Exercise aim:
Each line of the data below holding the word "fill" must be copied.

Listed records:
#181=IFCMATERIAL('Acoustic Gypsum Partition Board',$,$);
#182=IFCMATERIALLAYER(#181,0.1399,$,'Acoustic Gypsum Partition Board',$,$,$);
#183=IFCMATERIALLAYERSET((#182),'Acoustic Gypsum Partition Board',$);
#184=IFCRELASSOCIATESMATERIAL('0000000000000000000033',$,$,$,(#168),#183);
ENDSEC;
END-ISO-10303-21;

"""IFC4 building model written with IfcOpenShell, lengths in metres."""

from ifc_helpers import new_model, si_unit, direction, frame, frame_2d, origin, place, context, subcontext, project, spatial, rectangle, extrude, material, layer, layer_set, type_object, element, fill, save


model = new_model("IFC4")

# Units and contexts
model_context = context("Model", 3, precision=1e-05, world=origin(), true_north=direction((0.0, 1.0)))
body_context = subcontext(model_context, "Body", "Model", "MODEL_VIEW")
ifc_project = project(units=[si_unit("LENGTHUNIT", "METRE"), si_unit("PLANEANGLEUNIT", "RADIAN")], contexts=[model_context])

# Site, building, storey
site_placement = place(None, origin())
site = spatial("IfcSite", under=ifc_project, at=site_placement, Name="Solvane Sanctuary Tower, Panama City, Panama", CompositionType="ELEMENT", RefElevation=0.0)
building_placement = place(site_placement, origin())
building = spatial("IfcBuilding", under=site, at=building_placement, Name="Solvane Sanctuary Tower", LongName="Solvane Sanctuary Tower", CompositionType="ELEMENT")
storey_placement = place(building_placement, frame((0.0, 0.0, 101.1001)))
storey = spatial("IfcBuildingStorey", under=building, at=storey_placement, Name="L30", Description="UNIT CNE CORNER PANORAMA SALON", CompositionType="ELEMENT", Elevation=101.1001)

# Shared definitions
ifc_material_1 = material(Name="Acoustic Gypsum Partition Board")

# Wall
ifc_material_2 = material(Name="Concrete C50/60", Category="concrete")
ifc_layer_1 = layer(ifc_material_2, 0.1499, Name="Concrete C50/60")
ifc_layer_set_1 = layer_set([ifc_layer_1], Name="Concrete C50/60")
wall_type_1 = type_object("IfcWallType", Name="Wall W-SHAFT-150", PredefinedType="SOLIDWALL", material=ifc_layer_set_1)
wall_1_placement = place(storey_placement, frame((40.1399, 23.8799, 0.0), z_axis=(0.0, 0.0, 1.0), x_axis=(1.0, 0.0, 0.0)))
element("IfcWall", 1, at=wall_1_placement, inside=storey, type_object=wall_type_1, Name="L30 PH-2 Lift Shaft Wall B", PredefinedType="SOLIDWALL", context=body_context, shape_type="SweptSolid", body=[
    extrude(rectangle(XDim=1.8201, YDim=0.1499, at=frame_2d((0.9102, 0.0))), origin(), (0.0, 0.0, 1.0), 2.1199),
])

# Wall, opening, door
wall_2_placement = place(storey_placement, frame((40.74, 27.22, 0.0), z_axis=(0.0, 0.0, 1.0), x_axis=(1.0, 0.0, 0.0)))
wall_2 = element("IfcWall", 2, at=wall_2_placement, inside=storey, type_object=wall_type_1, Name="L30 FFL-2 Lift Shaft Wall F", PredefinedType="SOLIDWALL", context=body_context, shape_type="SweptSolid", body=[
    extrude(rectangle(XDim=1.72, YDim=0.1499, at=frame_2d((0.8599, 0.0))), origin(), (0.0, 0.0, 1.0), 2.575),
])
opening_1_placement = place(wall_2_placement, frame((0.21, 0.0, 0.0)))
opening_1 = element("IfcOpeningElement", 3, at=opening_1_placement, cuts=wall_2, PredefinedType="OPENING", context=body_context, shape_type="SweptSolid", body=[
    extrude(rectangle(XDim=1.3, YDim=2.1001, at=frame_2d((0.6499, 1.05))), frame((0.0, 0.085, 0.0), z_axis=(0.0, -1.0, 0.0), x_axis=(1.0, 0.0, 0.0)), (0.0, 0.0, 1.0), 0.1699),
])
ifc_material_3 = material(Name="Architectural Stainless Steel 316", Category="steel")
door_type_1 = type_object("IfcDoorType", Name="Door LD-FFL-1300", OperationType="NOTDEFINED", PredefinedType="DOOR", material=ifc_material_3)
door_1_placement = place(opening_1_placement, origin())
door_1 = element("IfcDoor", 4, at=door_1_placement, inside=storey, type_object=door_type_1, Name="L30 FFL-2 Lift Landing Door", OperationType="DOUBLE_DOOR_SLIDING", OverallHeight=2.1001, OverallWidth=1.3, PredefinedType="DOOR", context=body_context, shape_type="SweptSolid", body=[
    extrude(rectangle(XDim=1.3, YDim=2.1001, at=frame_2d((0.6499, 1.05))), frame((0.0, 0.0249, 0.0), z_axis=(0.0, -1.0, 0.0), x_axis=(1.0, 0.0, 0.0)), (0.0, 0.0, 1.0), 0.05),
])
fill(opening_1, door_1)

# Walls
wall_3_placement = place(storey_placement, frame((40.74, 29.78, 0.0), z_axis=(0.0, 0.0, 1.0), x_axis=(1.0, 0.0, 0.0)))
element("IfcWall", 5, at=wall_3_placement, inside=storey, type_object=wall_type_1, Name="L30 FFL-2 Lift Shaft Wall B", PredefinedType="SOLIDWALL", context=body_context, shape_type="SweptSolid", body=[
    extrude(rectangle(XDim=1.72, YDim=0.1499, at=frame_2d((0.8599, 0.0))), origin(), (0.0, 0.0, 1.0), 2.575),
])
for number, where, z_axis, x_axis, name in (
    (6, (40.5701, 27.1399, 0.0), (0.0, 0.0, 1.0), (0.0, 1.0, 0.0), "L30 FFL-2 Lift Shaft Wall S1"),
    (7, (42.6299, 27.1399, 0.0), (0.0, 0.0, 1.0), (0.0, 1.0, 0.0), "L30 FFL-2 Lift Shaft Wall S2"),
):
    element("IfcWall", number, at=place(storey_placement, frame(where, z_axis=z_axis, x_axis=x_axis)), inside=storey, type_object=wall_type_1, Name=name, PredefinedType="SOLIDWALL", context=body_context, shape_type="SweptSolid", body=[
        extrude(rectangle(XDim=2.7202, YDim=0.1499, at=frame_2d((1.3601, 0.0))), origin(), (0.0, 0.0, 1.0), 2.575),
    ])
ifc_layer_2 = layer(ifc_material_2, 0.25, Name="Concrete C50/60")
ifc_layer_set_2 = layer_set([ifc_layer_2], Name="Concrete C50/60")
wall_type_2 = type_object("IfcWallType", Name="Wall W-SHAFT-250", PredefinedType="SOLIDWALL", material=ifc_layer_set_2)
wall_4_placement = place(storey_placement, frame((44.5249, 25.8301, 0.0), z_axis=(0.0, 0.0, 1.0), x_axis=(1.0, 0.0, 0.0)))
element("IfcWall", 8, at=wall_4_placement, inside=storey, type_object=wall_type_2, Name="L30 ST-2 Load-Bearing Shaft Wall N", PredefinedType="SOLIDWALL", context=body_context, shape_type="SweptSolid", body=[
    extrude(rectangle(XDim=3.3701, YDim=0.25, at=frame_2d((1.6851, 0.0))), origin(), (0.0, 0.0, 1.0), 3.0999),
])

Task output:
from ifc_helpers import new_model, si_unit, direction, frame, frame_2d, origin, place, context, subcontext, project, spatial, rectangle, extrude, material, layer, layer_set, type_object, element, fill, save
fill(opening_1, door_1)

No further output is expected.